# [What to do]
Could you write out the lines below exactly, beginning with the first and finishing with the one that contains "#36=IFCINDEXEDPOLYGONALFACE((3,4,8,7));"?

Saved data entries:
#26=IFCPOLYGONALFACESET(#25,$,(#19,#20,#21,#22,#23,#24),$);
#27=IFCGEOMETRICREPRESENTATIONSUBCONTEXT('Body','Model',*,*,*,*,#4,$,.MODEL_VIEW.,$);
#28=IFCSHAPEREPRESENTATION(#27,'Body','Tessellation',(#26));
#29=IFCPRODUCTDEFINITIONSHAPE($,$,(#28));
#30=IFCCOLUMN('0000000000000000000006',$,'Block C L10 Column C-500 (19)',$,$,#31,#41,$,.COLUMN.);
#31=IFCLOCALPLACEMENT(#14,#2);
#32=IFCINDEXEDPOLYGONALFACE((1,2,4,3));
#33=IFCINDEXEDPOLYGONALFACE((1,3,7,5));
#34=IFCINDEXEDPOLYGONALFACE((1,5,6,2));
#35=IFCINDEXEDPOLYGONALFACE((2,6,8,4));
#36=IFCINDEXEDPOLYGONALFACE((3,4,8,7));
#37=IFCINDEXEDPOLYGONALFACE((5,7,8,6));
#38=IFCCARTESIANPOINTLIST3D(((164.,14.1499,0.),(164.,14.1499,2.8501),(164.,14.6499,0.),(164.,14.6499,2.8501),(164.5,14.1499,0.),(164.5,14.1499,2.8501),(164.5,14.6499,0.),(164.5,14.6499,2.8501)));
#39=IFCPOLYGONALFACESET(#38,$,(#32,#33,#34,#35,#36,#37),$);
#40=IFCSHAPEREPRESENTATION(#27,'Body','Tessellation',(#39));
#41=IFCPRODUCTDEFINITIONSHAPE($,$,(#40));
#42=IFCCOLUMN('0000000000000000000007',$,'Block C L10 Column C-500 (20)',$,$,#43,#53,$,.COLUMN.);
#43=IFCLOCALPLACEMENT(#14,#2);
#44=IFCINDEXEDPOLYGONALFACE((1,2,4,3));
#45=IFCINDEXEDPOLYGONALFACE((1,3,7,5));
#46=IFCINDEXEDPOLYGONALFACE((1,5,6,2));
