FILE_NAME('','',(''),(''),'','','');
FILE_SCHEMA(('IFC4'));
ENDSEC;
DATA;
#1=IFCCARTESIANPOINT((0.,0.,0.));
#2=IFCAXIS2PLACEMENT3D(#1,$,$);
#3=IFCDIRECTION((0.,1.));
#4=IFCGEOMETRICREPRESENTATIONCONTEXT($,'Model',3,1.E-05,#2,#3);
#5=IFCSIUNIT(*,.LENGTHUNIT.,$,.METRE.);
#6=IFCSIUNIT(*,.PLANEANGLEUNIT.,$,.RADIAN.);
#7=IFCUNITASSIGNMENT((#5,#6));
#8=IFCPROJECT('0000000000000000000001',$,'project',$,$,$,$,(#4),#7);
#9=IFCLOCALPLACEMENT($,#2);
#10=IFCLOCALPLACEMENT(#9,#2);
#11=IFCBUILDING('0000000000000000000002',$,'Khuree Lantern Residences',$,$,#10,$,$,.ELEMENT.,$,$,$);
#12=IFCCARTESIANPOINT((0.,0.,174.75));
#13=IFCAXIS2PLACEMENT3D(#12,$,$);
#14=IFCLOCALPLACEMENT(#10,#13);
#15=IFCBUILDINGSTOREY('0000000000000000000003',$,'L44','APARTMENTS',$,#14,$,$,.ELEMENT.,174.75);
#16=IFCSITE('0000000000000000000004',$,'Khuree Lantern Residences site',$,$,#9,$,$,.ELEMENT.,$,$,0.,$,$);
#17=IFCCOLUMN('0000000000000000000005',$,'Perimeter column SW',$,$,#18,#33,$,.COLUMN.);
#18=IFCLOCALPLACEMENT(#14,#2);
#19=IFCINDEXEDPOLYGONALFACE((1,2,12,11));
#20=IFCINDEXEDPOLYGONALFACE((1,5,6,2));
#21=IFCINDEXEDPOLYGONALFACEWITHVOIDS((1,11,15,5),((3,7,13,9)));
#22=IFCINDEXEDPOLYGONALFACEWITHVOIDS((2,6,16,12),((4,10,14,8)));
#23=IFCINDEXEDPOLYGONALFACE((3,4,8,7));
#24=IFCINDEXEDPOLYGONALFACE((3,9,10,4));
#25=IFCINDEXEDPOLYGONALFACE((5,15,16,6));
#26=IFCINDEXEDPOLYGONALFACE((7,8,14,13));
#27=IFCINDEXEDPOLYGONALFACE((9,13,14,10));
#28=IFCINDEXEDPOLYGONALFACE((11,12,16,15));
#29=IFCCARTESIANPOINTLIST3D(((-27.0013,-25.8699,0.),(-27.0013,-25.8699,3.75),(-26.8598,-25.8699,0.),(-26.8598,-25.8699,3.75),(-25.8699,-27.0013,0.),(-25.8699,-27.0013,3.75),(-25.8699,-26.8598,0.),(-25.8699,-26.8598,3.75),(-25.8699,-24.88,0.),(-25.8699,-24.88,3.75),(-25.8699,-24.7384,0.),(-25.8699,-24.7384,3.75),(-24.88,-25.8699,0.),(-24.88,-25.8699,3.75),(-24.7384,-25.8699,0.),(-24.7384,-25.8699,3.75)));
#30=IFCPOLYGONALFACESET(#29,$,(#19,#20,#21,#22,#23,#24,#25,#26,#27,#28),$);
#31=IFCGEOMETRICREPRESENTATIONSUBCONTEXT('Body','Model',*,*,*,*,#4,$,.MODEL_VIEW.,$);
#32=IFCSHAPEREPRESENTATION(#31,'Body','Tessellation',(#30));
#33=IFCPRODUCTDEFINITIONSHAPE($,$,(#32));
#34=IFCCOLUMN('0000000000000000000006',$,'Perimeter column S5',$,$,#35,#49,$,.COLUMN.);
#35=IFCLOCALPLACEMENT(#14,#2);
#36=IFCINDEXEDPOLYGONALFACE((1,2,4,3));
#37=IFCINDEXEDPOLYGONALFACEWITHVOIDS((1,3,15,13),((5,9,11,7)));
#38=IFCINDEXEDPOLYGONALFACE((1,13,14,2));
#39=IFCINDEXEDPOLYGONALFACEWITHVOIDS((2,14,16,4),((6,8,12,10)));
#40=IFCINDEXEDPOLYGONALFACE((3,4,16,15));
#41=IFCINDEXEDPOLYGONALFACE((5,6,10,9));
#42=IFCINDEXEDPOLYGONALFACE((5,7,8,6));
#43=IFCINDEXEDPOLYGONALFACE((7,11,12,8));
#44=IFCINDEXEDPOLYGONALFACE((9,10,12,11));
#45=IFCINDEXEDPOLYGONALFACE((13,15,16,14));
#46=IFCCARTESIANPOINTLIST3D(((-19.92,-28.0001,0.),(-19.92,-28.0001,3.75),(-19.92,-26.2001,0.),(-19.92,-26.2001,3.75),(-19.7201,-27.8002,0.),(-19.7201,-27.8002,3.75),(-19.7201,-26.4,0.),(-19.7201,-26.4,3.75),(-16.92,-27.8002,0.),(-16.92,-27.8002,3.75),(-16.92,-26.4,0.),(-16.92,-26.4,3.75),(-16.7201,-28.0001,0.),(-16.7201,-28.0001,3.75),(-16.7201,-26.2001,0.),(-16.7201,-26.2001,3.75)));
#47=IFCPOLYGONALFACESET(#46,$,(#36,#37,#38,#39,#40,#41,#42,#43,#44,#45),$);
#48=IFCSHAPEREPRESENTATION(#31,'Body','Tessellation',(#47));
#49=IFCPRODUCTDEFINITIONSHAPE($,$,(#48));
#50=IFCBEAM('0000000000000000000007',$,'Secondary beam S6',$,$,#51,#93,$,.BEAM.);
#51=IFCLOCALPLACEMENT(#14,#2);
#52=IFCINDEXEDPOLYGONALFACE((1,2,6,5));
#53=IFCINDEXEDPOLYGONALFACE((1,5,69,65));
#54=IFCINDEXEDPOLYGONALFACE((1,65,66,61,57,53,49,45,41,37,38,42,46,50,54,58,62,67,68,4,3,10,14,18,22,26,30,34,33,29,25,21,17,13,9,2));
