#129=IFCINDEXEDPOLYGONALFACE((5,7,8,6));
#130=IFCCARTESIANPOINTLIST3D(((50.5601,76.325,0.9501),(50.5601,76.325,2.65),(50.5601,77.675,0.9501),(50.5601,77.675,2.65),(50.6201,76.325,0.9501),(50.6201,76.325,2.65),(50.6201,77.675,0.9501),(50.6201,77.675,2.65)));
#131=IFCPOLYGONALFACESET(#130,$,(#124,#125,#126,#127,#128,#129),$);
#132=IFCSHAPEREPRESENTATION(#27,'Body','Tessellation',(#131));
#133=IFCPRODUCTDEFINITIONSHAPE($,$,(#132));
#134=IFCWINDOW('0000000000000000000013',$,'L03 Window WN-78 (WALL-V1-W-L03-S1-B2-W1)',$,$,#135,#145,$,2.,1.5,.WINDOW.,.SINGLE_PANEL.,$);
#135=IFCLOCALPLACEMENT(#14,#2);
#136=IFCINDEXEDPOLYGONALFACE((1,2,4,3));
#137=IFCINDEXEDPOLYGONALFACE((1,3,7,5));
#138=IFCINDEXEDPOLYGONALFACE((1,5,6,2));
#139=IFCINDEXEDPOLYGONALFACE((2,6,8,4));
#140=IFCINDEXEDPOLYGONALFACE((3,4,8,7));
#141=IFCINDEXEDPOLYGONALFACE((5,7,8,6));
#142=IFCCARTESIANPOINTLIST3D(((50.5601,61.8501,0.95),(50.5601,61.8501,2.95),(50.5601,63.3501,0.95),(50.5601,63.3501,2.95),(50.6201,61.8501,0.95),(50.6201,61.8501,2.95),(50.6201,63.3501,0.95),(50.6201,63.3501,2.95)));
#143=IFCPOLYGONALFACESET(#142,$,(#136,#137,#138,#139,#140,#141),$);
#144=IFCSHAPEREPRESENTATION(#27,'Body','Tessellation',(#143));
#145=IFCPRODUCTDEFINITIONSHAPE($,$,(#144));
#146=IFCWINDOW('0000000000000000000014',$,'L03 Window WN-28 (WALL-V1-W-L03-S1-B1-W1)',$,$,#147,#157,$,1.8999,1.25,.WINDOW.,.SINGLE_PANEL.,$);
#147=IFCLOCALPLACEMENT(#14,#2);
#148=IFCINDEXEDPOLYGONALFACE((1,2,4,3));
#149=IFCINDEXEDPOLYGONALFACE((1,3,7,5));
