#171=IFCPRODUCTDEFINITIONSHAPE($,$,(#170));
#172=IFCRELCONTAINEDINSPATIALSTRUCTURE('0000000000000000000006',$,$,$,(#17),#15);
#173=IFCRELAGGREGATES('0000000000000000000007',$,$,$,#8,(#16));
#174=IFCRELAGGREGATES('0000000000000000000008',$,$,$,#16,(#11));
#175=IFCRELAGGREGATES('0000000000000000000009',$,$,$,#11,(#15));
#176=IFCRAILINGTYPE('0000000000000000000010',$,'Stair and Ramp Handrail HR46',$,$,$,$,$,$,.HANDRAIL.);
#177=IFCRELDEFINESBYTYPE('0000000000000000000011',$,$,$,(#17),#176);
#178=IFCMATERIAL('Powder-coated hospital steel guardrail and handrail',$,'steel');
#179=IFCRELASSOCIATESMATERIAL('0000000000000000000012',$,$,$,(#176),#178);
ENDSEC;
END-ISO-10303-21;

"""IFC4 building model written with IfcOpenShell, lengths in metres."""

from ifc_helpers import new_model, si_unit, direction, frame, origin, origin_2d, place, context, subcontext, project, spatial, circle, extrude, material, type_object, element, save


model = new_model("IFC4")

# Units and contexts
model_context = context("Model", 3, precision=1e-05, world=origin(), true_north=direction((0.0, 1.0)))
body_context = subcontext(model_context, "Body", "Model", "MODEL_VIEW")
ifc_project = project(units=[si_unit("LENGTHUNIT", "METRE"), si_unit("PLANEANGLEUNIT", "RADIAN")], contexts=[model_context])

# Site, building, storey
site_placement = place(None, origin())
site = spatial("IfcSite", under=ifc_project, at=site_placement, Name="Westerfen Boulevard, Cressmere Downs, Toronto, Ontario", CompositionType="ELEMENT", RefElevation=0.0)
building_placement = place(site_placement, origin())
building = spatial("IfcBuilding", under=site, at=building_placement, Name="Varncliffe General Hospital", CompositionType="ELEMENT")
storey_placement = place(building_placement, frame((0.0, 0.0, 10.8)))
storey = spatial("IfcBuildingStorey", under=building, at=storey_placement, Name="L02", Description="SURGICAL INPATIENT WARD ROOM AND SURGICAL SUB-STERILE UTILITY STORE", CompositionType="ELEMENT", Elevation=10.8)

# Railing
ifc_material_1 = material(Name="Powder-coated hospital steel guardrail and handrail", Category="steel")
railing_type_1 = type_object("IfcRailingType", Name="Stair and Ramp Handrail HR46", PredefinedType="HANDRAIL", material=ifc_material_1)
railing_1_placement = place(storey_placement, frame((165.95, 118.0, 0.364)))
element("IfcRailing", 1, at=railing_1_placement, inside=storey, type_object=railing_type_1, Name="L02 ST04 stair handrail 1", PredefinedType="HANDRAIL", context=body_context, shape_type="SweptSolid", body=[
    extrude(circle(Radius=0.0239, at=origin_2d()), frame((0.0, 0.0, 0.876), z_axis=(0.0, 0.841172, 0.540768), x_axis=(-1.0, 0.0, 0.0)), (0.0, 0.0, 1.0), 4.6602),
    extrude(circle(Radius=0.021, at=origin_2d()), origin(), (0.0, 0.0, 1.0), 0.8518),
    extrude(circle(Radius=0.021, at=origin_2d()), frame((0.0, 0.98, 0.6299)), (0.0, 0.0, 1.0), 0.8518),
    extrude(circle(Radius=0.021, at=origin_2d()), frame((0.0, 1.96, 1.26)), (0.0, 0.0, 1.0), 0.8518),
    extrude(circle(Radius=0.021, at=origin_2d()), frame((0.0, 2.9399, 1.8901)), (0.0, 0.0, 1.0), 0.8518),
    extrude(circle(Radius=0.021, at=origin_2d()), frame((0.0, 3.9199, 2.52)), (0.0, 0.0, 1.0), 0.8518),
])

# [Response below]
#26=IFCPOLYGONALFACESET(#25,$,(#19,#20,#21,#22,#23,#24),$);
#27=IFCGEOMETRICREPRESENTATIONSUBCONTEXT('Body','Model',*,*,*,*,#4,$,.MODEL_VIEW.,$);
#28=IFCSHAPEREPRESENTATION(#27,'Body','Tessellation',(#26));
#29=IFCPRODUCTDEFINITIONSHAPE($,$,(#28));
#30=IFCCOLUMN('0000000000000000000006',$,'Block C L10 Column C-500 (19)',$,$,#31,#41,$,.COLUMN.);
#31=IFCLOCALPLACEMENT(#14,#2);
#32=IFCINDEXEDPOLYGONALFACE((1,2,4,3));
#33=IFCINDEXEDPOLYGONALFACE((1,3,7,5));
#34=IFCINDEXEDPOLYGONALFACE((1,5,6,2));
#35=IFCINDEXEDPOLYGONALFACE((2,6,8,4));
#36=IFCINDEXEDPOLYGONALFACE((3,4,8,7));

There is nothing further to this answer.